RECORDS PROVIDED
□ □ □ □
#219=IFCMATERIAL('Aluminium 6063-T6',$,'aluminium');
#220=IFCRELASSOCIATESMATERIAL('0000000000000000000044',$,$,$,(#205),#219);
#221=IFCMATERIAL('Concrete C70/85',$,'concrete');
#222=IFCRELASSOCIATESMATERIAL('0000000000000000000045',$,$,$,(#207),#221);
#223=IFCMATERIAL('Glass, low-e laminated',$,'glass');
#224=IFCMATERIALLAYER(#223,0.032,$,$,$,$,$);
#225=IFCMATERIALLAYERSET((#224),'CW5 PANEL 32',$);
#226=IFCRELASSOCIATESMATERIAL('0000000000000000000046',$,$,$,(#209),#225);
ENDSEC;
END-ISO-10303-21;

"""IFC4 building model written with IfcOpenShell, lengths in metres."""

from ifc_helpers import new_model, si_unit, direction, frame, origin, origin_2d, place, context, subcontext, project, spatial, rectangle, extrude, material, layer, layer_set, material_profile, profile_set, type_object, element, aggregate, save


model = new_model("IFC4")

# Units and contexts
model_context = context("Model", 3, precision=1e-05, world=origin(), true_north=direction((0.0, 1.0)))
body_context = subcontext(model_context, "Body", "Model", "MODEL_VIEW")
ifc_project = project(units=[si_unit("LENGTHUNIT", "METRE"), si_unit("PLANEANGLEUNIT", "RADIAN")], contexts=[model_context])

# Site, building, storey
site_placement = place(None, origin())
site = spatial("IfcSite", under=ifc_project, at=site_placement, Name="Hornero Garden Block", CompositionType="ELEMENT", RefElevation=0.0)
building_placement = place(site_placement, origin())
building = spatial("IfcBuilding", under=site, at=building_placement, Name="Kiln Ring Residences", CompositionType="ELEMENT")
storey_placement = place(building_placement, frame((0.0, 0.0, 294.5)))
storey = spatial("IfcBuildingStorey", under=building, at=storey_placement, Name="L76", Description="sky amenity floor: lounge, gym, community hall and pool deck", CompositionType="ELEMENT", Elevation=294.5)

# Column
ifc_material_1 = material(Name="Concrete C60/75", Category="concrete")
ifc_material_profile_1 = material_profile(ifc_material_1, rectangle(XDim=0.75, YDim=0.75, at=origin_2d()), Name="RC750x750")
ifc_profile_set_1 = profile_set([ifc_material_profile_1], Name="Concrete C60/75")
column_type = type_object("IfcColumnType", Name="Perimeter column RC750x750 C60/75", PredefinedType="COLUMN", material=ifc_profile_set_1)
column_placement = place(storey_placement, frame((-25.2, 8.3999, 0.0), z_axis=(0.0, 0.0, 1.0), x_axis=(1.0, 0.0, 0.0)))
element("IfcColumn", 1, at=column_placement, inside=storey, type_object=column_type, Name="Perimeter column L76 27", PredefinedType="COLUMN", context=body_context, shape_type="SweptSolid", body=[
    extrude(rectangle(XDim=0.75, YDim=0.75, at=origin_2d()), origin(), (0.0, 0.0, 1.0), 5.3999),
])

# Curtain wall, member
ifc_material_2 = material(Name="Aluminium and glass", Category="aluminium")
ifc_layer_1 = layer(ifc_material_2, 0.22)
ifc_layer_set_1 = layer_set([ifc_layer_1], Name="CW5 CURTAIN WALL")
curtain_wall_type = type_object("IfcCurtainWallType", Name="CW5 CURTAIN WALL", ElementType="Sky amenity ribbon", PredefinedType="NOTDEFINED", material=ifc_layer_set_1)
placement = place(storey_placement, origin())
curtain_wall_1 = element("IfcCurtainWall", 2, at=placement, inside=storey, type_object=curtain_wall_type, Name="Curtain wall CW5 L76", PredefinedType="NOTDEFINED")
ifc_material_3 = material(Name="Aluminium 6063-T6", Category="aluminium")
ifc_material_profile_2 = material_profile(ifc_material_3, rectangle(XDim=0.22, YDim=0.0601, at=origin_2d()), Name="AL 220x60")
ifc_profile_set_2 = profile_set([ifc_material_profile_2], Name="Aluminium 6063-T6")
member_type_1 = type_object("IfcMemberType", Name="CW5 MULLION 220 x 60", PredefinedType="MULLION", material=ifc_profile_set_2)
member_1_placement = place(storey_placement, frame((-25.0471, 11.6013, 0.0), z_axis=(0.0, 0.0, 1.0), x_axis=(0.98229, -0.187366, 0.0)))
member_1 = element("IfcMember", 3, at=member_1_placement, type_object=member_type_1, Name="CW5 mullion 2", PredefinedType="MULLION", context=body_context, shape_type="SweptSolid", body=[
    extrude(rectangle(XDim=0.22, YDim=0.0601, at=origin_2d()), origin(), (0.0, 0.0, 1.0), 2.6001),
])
□ □ □ □
In the answer, restate word for word each line from the one with "placement = place(storey_placement, origin())" through the end of the material above.

placement = place(storey_placement, origin())
curtain_wall_1 = element("IfcCurtainWall", 2, at=placement, inside=storey, type_object=curtain_wall_type, Name="Curtain wall CW5 L76", PredefinedType="NOTDEFINED")
ifc_material_3 = material(Name="Aluminium 6063-T6", Category="aluminium")
ifc_material_profile_2 = material_profile(ifc_material_3, rectangle(XDim=0.22, YDim=0.0601, at=origin_2d()), Name="AL 220x60")
ifc_profile_set_2 = profile_set([ifc_material_profile_2], Name="Aluminium 6063-T6")
member_type_1 = type_object("IfcMemberType", Name="CW5 MULLION 220 x 60", PredefinedType="MULLION", material=ifc_profile_set_2)
member_1_placement = place(storey_placement, frame((-25.0471, 11.6013, 0.0), z_axis=(0.0, 0.0, 1.0), x_axis=(0.98229, -0.187366, 0.0)))
member_1 = element("IfcMember", 3, at=member_1_placement, type_object=member_type_1, Name="CW5 mullion 2", PredefinedType="MULLION", context=body_context, shape_type="SweptSolid", body=[
    extrude(rectangle(XDim=0.22, YDim=0.0601, at=origin_2d()), origin(), (0.0, 0.0, 1.0), 2.6001),
])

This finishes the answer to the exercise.